● EXCERPTED RECORDS:
*** Block opens ***

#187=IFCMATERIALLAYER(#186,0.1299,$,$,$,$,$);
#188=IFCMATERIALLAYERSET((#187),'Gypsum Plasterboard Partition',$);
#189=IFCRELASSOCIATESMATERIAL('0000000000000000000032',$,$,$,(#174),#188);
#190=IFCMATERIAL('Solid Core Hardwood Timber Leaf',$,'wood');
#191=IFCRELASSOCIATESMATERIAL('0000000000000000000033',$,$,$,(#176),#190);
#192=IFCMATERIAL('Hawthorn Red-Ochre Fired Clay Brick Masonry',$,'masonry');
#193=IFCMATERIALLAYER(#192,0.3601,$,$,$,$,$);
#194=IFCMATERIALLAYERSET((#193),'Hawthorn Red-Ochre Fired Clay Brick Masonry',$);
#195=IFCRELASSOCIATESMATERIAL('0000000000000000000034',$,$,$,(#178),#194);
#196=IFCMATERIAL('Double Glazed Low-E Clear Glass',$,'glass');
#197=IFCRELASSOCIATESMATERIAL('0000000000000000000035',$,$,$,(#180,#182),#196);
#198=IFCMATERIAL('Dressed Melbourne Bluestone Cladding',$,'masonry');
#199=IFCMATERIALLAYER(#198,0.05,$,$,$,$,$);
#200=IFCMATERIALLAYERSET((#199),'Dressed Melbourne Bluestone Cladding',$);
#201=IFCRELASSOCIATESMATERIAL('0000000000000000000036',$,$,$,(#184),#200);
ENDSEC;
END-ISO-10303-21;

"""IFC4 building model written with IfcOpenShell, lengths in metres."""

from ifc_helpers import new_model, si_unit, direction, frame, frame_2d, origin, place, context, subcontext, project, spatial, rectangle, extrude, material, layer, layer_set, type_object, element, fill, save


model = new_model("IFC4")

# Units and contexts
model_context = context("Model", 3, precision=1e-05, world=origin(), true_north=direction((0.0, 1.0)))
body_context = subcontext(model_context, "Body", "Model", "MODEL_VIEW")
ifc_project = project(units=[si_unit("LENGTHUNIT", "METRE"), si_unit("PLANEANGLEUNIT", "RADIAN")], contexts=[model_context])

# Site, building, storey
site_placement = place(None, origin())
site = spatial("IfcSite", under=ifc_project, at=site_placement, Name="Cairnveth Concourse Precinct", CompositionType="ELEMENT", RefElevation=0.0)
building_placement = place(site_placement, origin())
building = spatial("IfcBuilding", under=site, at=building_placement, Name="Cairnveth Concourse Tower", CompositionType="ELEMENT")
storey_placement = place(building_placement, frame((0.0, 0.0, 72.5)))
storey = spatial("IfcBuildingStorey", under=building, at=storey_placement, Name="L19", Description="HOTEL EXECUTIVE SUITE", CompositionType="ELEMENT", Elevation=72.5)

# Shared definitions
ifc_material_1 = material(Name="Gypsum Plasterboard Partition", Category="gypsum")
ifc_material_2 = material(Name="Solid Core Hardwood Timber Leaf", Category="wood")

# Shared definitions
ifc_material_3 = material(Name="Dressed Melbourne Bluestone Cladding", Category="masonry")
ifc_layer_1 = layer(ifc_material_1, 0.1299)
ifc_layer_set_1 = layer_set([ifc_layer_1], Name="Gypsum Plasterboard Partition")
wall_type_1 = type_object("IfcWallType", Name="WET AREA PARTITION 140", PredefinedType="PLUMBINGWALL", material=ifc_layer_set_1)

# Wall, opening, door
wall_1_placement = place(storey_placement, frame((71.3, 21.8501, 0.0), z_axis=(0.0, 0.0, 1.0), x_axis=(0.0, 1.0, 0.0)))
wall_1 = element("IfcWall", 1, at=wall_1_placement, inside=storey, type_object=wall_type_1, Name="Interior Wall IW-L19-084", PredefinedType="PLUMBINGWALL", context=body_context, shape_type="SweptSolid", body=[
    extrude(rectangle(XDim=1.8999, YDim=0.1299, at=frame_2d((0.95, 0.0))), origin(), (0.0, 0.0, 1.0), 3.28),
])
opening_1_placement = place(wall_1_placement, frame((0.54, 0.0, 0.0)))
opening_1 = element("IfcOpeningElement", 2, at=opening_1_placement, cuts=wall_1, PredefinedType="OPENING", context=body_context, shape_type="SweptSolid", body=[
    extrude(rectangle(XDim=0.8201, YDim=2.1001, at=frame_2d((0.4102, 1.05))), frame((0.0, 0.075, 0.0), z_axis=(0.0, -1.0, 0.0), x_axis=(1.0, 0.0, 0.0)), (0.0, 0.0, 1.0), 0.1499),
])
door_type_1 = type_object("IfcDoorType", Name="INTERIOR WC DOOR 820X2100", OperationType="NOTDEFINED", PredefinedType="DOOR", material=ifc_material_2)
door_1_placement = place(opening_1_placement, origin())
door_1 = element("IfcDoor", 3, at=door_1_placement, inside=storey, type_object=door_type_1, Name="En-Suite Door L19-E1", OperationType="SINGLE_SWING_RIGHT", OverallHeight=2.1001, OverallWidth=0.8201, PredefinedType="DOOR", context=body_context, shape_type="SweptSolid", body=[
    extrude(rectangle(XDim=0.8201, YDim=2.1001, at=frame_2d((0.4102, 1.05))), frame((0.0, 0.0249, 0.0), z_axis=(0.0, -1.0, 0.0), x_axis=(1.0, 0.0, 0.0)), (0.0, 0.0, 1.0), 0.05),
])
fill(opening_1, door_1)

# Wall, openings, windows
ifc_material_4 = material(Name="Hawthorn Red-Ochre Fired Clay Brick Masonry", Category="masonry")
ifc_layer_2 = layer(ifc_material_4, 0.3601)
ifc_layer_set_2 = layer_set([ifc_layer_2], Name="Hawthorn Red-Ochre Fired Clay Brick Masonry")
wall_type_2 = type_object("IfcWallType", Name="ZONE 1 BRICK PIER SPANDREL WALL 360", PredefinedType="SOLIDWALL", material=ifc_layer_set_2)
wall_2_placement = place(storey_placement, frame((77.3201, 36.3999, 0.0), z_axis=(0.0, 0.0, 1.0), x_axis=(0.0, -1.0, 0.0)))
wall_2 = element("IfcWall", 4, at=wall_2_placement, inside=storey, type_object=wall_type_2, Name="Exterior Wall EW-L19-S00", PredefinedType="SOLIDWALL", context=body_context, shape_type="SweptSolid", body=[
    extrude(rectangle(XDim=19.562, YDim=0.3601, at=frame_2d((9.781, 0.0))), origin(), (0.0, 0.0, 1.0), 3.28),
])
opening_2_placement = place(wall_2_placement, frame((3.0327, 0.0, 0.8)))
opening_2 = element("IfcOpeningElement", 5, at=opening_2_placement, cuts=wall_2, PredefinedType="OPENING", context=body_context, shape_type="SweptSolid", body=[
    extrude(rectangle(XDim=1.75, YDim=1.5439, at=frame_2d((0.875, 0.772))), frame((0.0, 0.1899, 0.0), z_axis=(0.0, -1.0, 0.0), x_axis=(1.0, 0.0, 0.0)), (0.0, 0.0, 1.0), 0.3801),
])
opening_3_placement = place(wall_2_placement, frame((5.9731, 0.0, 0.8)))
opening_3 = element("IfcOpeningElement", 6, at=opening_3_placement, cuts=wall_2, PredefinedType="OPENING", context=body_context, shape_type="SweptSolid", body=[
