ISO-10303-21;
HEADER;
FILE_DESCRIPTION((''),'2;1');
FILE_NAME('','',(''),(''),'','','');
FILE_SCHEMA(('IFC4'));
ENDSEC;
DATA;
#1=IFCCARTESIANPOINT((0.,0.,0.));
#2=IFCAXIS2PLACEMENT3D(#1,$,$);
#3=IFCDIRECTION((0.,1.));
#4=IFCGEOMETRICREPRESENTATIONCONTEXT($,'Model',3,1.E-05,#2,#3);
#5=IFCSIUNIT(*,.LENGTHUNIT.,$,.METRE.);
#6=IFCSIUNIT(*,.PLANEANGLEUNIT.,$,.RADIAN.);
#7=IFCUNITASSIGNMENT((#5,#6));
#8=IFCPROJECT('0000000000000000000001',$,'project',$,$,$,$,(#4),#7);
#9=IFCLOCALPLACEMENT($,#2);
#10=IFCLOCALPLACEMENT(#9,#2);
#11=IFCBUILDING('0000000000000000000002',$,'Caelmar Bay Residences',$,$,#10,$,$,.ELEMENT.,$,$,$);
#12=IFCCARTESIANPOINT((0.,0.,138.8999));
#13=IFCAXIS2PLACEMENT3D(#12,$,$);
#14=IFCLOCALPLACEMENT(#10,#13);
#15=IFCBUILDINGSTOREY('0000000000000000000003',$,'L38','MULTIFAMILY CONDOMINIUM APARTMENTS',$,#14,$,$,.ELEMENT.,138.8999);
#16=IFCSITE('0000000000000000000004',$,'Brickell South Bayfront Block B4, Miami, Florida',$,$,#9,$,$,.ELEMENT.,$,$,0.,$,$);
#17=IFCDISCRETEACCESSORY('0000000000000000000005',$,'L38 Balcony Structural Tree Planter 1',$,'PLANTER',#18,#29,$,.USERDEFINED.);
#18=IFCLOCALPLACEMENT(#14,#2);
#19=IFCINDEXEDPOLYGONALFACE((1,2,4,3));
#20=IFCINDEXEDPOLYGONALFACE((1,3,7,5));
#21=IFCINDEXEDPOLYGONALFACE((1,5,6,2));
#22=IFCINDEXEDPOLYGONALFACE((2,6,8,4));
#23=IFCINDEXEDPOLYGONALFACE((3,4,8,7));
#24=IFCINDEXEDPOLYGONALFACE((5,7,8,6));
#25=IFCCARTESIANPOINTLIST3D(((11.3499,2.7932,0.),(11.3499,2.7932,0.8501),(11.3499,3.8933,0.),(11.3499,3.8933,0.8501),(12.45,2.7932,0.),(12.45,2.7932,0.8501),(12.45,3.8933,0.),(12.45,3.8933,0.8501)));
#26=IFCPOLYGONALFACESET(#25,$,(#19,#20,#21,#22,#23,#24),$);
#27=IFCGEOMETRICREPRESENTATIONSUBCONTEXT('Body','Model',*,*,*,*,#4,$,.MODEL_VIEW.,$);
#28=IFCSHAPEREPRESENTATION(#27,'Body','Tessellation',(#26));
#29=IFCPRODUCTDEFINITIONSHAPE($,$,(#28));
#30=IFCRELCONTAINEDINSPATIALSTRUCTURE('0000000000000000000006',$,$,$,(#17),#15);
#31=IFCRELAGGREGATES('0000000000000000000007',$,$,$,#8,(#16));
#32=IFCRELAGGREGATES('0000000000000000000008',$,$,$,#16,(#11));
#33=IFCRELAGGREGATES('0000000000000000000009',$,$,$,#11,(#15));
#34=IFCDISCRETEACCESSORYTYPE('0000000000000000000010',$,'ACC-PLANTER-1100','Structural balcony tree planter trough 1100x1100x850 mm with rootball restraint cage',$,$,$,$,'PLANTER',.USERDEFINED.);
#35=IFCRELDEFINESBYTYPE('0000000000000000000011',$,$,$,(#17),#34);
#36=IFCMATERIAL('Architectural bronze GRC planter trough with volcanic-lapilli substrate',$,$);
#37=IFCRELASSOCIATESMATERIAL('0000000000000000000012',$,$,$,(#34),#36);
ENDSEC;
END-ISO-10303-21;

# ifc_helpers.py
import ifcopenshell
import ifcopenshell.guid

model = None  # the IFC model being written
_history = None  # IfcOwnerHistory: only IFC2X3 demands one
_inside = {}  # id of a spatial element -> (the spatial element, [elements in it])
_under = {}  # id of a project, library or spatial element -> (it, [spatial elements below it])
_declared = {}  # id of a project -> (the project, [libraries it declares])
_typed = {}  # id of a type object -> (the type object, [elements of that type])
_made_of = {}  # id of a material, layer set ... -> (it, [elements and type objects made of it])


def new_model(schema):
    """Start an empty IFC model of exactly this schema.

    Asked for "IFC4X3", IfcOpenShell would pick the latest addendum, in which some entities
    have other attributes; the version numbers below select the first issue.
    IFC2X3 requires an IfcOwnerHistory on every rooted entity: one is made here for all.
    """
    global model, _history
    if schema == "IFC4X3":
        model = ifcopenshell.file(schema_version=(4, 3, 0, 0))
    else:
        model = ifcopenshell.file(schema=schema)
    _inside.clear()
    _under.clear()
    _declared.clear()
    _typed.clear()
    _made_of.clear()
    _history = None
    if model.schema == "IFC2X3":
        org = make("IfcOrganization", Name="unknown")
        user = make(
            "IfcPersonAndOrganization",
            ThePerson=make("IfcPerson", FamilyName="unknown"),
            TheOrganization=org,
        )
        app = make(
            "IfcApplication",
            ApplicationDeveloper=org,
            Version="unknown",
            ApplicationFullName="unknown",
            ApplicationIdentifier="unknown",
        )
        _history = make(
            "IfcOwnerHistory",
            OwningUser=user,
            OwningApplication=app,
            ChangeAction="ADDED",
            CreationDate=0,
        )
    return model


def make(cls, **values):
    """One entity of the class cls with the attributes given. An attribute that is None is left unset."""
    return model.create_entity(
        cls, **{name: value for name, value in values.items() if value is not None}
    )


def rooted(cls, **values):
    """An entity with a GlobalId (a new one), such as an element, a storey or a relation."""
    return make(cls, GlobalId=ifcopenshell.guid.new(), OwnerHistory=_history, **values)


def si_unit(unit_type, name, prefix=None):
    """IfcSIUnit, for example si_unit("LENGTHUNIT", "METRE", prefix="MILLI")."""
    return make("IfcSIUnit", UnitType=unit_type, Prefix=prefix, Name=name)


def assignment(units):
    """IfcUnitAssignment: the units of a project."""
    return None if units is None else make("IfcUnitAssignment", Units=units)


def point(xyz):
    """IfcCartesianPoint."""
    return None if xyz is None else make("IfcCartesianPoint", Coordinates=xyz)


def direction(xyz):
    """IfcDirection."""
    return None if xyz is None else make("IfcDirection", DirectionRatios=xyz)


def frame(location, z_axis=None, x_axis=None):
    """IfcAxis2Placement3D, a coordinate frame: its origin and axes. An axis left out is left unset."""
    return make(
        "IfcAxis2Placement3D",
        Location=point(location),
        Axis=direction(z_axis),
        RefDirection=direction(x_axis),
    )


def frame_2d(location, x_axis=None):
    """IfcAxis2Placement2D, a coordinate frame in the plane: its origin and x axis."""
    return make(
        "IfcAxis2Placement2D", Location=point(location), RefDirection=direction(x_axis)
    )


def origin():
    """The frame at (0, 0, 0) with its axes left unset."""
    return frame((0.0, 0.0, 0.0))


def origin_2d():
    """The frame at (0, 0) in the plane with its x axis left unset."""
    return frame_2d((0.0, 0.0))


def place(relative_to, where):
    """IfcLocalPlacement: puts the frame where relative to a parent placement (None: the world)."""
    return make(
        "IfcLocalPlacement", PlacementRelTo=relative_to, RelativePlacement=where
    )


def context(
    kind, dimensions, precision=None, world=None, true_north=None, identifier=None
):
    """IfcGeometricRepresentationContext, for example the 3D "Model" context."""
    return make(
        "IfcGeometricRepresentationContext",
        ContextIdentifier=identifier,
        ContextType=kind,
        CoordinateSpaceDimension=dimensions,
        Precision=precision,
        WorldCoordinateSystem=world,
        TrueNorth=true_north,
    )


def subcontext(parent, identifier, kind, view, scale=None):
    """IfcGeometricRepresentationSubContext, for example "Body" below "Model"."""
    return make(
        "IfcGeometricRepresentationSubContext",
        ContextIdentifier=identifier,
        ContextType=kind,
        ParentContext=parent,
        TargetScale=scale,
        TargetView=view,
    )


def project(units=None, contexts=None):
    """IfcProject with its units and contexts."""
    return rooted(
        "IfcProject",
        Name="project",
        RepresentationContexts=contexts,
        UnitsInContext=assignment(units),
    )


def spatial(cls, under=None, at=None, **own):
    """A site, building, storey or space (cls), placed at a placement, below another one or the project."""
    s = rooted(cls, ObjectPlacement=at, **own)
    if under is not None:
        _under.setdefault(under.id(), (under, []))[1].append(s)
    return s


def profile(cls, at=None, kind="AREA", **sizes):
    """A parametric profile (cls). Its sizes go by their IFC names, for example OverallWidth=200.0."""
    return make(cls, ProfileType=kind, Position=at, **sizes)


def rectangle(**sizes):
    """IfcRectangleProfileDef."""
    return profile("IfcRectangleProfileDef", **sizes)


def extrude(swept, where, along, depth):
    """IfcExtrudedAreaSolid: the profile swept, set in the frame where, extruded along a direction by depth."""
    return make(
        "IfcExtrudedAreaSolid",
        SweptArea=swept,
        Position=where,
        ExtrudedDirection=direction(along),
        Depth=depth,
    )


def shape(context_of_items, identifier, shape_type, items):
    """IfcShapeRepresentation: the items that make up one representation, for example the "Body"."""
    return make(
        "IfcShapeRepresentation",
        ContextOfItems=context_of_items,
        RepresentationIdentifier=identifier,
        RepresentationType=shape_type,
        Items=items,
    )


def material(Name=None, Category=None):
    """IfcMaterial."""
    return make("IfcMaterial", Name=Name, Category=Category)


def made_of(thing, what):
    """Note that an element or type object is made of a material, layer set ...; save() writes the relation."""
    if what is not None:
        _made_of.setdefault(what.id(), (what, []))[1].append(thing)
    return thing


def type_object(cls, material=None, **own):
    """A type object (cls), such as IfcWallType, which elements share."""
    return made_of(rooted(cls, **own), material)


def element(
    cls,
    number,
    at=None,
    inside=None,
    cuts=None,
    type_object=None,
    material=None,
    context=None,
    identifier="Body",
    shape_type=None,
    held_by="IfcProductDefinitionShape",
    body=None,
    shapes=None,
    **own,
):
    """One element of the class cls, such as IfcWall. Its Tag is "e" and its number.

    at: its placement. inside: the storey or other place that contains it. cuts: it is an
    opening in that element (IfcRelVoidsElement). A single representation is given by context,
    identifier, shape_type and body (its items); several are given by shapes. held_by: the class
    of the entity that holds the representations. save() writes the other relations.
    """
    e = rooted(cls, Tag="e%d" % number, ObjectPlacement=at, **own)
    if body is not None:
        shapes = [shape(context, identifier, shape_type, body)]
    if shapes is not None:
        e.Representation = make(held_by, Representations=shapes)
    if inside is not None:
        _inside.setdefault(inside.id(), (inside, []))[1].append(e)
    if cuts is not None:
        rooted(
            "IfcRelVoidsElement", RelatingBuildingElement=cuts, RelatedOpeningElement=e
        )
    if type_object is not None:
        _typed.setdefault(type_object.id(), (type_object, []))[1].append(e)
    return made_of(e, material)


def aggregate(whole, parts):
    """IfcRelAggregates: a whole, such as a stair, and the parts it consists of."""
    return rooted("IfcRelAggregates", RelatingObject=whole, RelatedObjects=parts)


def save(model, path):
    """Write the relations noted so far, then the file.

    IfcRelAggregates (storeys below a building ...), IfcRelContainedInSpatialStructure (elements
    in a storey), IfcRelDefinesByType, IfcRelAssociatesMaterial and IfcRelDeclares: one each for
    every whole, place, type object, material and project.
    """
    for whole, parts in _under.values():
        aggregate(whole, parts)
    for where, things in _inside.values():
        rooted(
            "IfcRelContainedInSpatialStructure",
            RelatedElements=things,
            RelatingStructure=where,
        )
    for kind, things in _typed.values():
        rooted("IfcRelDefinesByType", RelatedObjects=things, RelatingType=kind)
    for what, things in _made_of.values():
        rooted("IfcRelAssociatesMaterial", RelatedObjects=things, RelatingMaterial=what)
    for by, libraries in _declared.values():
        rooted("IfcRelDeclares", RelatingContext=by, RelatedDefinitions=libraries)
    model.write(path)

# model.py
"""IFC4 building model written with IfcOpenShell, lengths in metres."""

from ifc_helpers import new_model, si_unit, direction, frame, origin, origin_2d, place, context, subcontext, project, spatial, rectangle, extrude, material, type_object, element, save


model = new_model("IFC4")

# Units and contexts
model_context = context("Model", 3, precision=1e-05, world=origin(), true_north=direction((0.0, 1.0)))
body_context = subcontext(model_context, "Body", "Model", "MODEL_VIEW")
ifc_project = project(units=[si_unit("LENGTHUNIT", "METRE"), si_unit("PLANEANGLEUNIT", "RADIAN")], contexts=[model_context])

# Site, building, storey
site_placement = place(None, origin())
site = spatial("IfcSite", under=ifc_project, at=site_placement, Name="Brickell South Bayfront Block B4, Miami, Florida", CompositionType="ELEMENT", RefElevation=0.0)
building_placement = place(site_placement, origin())
building = spatial("IfcBuilding", under=site, at=building_placement, Name="Caelmar Bay Residences", CompositionType="ELEMENT")
storey_placement = place(building_placement, frame((0.0, 0.0, 138.8999)))
storey = spatial("IfcBuildingStorey", under=building, at=storey_placement, Name="L38", Description="MULTIFAMILY CONDOMINIUM APARTMENTS", CompositionType="ELEMENT", Elevation=138.8999)

# Discrete accessory
ifc_material_1 = material(Name="Architectural bronze GRC planter trough with volcanic-lapilli substrate")
discrete_accessory_type = type_object("IfcDiscreteAccessoryType", Name="ACC-PLANTER-1100", Description="Structural balcony tree planter trough 1100x1100x850 mm with rootball restraint cage", ElementType="PLANTER", PredefinedType="USERDEFINED", material=ifc_material_1)
discrete_accessory_placement = place(storey_placement, frame((11.8999, 3.3433, 0.0), z_axis=(0.0, 0.0, 1.0), x_axis=(1.0, 0.0, 0.0)))
element("IfcDiscreteAccessory", 1, at=discrete_accessory_placement, inside=storey, type_object=discrete_accessory_type, Name="L38 Balcony Structural Tree Planter 1", ObjectType="PLANTER", PredefinedType="USERDEFINED", context=body_context, shape_type="SweptSolid", body=[
    extrude(rectangle(XDim=1.1001, YDim=1.1001, at=origin_2d()), origin(), (0.0, 0.0, 1.0), 0.8501),
])

save(model, "model.ifc")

*** Block closes ***

● EXERCISE DETAILS:
Would you tally the lines above that include "IfcOwnerHistory" and reply with only the total?

● WRITTEN SOLUTION:
3